EXERCISE
Out of the data below, copy every line with the string "Anodised".

PROVIDED ENTRIES

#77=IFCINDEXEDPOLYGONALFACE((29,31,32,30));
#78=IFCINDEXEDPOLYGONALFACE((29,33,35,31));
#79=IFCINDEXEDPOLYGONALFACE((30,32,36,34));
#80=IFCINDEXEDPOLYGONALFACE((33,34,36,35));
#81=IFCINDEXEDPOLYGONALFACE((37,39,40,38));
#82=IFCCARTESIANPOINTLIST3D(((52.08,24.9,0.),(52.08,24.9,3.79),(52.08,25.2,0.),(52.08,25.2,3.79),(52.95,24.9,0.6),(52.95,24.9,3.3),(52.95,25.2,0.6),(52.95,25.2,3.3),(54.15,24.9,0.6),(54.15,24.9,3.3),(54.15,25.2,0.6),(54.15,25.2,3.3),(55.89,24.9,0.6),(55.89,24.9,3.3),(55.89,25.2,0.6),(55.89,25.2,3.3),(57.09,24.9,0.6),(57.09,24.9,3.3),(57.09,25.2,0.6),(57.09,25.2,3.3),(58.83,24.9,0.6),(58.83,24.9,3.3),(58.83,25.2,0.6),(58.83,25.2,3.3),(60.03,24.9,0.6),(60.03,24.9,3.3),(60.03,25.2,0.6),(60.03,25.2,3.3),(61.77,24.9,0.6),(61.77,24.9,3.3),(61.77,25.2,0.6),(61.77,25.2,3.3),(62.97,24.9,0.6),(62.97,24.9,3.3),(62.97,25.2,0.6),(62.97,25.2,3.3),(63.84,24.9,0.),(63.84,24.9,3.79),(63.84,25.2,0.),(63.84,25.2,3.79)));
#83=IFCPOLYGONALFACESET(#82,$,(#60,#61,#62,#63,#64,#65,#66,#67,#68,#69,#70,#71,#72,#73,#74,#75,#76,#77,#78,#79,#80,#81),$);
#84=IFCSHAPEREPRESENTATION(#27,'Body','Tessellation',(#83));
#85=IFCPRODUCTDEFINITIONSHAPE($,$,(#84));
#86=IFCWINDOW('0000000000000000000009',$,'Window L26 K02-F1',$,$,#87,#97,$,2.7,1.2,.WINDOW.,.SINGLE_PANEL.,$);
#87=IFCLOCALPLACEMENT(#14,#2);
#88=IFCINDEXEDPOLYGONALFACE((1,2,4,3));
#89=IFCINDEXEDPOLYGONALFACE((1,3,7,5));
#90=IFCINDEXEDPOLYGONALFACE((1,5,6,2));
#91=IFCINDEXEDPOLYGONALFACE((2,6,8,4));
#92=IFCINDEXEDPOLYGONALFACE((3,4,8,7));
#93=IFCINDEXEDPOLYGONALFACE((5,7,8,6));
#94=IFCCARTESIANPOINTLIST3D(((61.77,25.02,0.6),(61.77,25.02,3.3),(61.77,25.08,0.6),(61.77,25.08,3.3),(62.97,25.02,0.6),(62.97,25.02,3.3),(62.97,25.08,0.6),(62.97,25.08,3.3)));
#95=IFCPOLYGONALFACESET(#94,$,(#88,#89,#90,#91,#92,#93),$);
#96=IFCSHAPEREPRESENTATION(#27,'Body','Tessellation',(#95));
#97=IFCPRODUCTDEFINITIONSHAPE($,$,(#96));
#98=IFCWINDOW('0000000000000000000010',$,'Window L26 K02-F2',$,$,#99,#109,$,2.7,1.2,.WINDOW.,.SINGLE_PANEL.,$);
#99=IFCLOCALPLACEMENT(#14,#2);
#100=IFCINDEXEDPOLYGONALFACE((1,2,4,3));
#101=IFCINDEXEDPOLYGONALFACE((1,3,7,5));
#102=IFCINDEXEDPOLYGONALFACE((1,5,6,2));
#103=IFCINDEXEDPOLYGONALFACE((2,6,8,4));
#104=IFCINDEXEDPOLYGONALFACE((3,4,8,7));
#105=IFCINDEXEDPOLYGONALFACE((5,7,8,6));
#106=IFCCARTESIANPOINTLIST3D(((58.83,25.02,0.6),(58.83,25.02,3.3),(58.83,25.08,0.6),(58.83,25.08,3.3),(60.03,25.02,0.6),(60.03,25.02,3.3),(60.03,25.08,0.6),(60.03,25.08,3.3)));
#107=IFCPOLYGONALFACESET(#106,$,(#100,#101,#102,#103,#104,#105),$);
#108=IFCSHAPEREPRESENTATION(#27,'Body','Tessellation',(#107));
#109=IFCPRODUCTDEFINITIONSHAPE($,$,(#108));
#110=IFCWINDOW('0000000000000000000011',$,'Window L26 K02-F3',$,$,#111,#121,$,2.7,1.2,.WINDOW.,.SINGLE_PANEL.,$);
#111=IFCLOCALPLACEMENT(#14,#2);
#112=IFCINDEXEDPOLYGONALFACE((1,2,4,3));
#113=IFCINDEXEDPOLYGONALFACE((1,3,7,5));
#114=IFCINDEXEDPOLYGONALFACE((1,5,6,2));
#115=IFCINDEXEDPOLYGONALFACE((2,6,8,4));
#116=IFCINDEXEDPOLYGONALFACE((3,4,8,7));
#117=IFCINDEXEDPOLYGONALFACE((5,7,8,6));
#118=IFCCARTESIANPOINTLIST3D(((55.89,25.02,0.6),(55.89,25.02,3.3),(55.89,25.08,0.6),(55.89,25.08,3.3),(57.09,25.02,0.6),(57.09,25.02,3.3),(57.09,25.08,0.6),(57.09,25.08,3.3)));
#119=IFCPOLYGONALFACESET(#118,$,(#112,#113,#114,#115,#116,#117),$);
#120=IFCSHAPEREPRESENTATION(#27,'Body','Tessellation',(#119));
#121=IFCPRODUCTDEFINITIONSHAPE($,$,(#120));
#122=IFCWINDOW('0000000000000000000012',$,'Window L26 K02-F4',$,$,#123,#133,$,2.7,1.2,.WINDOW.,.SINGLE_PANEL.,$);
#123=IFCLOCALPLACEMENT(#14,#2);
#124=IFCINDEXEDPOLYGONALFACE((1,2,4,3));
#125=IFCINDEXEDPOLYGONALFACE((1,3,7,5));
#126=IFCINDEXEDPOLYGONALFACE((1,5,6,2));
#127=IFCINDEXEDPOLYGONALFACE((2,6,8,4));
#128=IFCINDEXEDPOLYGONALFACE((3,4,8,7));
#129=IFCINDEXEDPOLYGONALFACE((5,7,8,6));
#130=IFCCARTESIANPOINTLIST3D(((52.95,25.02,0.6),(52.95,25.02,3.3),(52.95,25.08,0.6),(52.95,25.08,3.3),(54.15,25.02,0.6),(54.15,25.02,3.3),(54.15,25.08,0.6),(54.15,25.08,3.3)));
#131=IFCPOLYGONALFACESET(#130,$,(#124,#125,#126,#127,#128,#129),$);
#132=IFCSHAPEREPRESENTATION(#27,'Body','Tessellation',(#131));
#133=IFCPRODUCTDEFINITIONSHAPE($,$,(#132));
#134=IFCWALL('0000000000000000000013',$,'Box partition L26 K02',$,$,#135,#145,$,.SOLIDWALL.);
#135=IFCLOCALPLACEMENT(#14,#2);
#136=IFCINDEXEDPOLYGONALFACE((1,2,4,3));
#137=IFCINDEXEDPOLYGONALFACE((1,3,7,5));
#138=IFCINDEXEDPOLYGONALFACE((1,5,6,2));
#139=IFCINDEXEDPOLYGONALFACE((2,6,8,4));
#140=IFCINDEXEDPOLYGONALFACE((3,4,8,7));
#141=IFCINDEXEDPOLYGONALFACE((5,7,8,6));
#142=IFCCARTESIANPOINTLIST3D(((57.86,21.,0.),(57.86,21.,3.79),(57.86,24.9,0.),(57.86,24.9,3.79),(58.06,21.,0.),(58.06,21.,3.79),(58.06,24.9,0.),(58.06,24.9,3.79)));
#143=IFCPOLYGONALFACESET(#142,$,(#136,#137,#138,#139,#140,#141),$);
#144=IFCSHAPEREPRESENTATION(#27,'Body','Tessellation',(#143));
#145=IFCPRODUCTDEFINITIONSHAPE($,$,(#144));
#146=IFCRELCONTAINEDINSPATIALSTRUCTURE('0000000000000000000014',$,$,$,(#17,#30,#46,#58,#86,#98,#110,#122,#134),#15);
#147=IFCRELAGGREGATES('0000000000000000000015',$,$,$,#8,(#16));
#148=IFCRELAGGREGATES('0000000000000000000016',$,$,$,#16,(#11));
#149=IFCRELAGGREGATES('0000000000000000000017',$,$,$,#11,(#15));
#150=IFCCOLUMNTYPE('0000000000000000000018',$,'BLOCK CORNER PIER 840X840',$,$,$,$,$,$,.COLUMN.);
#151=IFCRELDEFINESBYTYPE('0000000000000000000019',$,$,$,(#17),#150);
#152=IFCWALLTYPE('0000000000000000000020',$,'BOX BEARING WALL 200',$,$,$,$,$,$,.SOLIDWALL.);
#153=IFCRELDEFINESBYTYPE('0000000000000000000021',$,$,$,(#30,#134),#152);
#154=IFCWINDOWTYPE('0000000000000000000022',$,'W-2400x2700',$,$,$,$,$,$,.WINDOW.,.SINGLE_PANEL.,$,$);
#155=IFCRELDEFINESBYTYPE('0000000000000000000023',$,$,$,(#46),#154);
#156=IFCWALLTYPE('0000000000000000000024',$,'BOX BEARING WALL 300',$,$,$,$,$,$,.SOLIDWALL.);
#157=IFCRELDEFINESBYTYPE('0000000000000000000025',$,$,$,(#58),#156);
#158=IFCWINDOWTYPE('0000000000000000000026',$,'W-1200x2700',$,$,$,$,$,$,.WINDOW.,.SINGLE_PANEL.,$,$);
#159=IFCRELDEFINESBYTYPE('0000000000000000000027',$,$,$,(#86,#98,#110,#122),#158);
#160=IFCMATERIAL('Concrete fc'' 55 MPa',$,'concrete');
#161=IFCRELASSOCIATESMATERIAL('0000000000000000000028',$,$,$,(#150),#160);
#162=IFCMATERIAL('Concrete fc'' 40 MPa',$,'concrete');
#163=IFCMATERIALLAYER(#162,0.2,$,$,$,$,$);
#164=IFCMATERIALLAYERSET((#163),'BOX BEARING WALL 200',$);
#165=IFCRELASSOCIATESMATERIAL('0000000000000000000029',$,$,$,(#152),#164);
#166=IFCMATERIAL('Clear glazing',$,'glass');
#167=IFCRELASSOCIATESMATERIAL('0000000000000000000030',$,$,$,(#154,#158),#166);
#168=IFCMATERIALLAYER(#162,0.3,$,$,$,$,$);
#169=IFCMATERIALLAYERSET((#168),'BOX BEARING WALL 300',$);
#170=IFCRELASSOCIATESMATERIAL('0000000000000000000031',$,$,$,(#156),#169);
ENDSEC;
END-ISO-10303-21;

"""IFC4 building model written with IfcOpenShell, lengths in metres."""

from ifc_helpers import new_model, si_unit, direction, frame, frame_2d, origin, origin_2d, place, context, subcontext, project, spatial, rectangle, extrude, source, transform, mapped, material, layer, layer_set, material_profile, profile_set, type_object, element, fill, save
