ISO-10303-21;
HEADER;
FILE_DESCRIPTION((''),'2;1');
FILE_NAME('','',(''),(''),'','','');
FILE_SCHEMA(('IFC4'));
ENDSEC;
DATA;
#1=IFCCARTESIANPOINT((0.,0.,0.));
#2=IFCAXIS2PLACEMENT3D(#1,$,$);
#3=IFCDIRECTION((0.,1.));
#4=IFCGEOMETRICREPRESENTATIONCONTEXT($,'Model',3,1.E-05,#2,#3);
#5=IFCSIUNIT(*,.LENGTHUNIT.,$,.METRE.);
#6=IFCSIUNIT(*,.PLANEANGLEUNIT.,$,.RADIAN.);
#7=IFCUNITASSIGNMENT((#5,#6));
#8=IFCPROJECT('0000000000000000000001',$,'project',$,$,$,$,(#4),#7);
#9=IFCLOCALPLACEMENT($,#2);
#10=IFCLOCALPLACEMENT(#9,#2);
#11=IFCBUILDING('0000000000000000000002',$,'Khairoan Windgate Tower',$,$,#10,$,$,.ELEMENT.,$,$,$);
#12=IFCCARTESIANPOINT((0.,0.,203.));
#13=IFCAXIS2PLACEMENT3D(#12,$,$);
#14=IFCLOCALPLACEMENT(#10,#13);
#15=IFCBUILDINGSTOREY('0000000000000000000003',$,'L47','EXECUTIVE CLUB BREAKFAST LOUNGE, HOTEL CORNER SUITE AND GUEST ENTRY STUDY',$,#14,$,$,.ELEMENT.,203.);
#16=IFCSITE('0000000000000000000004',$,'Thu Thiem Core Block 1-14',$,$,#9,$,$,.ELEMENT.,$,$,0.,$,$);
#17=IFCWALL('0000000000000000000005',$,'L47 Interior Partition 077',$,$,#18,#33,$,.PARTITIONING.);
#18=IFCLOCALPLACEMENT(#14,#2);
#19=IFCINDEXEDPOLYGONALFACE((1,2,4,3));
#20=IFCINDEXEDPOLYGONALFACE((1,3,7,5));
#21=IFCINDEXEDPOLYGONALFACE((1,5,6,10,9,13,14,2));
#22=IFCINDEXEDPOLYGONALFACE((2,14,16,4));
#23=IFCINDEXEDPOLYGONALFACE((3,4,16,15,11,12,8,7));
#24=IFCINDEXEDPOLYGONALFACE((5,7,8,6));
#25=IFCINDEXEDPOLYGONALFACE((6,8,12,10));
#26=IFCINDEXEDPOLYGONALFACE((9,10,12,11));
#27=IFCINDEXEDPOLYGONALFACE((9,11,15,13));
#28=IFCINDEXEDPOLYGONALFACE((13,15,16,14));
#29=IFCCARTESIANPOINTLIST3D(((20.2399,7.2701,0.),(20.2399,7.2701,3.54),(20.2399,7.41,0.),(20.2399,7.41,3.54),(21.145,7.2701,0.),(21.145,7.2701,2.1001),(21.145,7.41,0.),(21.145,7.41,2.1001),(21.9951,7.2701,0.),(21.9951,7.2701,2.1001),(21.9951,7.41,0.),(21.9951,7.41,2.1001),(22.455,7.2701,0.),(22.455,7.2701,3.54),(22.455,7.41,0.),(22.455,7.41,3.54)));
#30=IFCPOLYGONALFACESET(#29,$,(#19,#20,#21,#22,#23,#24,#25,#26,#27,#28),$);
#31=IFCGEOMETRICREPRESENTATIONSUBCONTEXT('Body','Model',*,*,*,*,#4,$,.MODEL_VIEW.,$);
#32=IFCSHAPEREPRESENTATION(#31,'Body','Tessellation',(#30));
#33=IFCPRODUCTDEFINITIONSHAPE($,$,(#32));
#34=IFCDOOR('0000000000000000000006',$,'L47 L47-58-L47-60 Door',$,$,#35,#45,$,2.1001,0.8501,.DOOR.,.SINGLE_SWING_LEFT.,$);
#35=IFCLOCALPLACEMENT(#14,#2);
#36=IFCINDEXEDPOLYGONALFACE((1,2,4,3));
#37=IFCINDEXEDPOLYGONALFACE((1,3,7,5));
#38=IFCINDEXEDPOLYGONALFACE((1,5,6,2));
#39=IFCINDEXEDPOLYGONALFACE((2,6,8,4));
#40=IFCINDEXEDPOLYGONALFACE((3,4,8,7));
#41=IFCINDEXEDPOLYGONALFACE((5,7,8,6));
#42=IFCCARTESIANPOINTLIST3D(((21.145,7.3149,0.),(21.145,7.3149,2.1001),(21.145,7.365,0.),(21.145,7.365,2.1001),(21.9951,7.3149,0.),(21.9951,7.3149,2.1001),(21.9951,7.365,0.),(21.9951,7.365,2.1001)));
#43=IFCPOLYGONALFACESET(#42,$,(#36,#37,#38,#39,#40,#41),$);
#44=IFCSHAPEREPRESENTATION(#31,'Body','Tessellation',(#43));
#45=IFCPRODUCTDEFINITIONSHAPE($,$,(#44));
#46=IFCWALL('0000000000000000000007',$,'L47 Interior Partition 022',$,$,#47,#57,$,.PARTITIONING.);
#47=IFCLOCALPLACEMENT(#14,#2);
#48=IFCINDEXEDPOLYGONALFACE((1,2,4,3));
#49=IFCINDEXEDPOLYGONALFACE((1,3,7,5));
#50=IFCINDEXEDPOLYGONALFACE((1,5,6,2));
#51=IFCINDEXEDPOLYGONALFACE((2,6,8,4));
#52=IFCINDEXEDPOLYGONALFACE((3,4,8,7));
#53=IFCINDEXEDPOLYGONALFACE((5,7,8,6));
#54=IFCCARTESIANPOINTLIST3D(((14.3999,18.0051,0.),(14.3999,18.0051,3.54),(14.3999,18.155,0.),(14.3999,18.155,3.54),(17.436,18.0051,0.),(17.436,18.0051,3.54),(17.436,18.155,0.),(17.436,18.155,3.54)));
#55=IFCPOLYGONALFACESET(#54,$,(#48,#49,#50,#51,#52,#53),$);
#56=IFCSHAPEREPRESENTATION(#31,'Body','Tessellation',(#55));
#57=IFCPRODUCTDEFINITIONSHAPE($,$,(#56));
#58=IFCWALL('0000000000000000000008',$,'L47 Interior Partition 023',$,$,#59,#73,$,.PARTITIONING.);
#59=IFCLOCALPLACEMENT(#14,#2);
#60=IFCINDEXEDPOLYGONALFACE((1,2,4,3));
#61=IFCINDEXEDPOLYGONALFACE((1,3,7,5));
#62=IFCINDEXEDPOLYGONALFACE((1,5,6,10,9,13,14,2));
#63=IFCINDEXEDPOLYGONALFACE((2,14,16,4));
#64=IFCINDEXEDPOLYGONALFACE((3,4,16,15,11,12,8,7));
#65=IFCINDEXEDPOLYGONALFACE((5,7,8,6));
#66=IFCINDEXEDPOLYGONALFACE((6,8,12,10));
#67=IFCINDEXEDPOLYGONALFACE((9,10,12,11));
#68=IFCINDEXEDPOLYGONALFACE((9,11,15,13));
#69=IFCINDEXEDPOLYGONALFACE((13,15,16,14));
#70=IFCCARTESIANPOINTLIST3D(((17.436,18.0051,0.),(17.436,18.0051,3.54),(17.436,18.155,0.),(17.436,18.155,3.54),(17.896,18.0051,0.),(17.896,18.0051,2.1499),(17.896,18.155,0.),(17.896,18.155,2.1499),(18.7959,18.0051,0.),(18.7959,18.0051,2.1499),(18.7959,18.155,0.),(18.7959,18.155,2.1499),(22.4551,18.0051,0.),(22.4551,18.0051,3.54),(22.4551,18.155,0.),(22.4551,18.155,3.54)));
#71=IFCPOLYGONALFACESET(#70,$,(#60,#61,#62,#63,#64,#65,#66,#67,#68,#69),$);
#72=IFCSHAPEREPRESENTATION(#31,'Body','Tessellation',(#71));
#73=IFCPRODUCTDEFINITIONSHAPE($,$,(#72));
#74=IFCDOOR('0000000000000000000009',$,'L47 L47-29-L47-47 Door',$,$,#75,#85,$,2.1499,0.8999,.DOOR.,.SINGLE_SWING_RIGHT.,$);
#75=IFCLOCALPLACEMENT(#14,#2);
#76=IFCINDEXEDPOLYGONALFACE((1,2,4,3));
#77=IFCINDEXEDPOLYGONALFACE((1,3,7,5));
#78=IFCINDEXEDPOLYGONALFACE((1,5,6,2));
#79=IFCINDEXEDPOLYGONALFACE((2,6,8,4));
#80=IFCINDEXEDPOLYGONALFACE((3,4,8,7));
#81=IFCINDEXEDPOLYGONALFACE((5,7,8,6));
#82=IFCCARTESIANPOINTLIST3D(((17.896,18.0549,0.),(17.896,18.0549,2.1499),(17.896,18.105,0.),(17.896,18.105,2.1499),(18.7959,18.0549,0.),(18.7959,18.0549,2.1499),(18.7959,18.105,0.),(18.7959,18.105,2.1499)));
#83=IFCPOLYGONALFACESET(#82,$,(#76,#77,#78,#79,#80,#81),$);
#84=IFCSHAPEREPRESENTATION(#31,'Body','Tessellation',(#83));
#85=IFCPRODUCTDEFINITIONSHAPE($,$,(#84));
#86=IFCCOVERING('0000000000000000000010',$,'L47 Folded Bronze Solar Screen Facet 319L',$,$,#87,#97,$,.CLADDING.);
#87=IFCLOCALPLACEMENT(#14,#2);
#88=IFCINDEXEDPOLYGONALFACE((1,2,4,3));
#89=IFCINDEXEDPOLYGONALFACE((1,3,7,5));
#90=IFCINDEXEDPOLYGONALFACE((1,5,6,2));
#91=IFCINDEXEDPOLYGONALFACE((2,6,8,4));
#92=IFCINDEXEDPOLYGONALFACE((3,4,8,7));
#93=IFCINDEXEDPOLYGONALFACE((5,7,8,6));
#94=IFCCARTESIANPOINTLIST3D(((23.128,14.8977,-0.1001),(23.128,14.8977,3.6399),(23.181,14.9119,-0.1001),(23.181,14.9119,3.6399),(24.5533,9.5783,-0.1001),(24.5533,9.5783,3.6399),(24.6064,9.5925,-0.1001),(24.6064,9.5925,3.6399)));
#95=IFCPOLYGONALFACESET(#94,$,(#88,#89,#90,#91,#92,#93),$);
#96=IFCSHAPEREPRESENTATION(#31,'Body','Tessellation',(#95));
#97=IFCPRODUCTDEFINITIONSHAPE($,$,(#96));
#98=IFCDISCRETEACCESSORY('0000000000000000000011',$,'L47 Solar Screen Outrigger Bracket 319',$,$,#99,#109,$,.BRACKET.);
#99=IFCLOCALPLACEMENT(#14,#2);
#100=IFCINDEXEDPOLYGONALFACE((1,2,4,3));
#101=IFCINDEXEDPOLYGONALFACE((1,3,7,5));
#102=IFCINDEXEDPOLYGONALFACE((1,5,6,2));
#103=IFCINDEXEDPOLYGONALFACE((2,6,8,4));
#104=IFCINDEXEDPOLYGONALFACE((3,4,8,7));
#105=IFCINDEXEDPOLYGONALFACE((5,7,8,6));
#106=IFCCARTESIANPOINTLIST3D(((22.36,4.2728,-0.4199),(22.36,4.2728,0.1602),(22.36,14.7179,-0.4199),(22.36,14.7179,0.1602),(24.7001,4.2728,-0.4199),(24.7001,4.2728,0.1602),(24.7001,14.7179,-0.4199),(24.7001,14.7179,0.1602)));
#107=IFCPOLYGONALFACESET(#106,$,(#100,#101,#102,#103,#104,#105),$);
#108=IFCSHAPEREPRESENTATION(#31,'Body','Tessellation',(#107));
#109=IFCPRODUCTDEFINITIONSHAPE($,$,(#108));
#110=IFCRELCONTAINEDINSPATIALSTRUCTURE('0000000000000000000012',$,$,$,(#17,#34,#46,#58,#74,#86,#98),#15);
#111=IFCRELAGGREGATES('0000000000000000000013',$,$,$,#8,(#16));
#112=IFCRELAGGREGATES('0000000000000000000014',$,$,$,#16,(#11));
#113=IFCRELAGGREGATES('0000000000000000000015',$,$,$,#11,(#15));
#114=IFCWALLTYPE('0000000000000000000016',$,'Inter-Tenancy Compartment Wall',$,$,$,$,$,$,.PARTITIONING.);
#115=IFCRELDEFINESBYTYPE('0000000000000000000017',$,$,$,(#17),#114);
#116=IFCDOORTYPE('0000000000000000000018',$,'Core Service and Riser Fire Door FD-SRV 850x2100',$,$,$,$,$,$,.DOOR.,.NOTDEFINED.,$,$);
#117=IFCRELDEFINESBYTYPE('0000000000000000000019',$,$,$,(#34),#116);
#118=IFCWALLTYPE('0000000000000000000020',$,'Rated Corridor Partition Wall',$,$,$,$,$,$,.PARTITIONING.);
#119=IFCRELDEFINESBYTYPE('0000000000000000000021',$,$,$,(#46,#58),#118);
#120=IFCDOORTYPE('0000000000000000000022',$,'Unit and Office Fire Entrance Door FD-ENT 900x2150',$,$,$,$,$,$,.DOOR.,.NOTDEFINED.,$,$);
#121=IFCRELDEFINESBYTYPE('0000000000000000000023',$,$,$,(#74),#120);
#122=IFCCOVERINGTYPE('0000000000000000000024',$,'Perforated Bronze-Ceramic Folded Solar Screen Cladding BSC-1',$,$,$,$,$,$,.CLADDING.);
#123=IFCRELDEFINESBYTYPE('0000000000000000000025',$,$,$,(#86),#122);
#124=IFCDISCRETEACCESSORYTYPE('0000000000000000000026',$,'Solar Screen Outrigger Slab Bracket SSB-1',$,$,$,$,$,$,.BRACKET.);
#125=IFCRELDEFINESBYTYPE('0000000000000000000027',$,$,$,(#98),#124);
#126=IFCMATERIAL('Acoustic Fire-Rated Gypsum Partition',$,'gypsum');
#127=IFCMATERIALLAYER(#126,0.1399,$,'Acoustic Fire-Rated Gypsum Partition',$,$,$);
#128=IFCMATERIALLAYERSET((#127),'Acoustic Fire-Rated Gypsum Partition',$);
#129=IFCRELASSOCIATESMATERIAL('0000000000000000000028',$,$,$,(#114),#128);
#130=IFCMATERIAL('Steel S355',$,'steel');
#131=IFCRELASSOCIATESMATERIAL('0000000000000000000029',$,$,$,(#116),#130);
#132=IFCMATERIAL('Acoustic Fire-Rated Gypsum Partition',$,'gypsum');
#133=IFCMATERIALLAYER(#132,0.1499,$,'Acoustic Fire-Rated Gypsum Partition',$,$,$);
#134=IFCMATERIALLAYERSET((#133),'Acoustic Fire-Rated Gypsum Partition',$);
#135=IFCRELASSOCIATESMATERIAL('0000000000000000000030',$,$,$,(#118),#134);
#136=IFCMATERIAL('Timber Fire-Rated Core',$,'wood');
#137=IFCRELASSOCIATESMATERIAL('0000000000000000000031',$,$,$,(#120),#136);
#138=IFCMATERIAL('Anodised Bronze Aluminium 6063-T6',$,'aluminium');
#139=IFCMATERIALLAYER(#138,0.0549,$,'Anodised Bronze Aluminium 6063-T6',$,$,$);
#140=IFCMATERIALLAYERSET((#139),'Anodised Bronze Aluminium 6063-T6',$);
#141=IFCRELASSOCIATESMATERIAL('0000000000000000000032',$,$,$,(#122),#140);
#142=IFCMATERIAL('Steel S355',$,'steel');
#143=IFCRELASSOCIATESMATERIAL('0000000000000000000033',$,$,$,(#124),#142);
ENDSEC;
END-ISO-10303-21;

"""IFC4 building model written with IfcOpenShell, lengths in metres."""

from ifc_helpers import new_model, si_unit, direction, frame, frame_2d, origin, origin_2d, place, context, subcontext, project, spatial, rectangle, extrude, material, layer, layer_set, type_object, element, fill, save


model = new_model("IFC4")

# Units and contexts
model_context = context("Model", 3, precision=1e-05, world=origin(), true_north=direction((0.0, 1.0)))
body_context = subcontext(model_context, "Body", "Model", "MODEL_VIEW")
ifc_project = project(units=[si_unit("LENGTHUNIT", "METRE"), si_unit("PLANEANGLEUNIT", "RADIAN")], contexts=[model_context])

# Site, building, storey
site_placement = place(None, origin())
site = spatial("IfcSite", under=ifc_project, at=site_placement, Name="Thu Thiem Core Block 1-14", CompositionType="ELEMENT", RefElevation=0.0)
building_placement = place(site_placement, origin())
building = spatial("IfcBuilding", under=site, at=building_placement, Name="Khairoan Windgate Tower", CompositionType="ELEMENT")
storey_placement = place(building_placement, frame((0.0, 0.0, 203.0)))
storey = spatial("IfcBuildingStorey", under=building, at=storey_placement, Name="L47", Description="EXECUTIVE CLUB BREAKFAST LOUNGE, HOTEL CORNER SUITE AND GUEST ENTRY STUDY", CompositionType="ELEMENT", Elevation=203.0)

# Wall, opening, door
ifc_material_1 = material(Name="Acoustic Fire-Rated Gypsum Partition", Category="gypsum")
ifc_layer_1 = layer(ifc_material_1, 0.1399, Name="Acoustic Fire-Rated Gypsum Partition")
ifc_layer_set_1 = layer_set([ifc_layer_1], Name="Acoustic Fire-Rated Gypsum Partition")
wall_type_1 = type_object("IfcWallType", Name="Inter-Tenancy Compartment Wall", PredefinedType="PARTITIONING", material=ifc_layer_set_1)
wall_1_placement = place(storey_placement, frame((20.24, 7.3401, 0.0), z_axis=(0.0, 0.0, 1.0), x_axis=(1.0, 0.0, 0.0)))
wall_1 = element("IfcWall", 1, at=wall_1_placement, inside=storey, type_object=wall_type_1, Name="L47 Interior Partition 077", PredefinedType="PARTITIONING", context=body_context, shape_type="SweptSolid", body=[
    extrude(rectangle(XDim=2.2151, YDim=0.1399, at=frame_2d((1.1074, 0.0))), origin(), (0.0, 0.0, 1.0), 3.54),
])
opening_1_placement = place(wall_1_placement, frame((0.905, 0.0, 0.0)))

YOUR RESPONSE
#138=IFCMATERIAL('Anodised Bronze Aluminium 6063-T6',$,'aluminium');
#139=IFCMATERIALLAYER(#138,0.0549,$,'Anodised Bronze Aluminium 6063-T6',$,$,$);
#140=IFCMATERIALLAYERSET((#139),'Anodised Bronze Aluminium 6063-T6',$);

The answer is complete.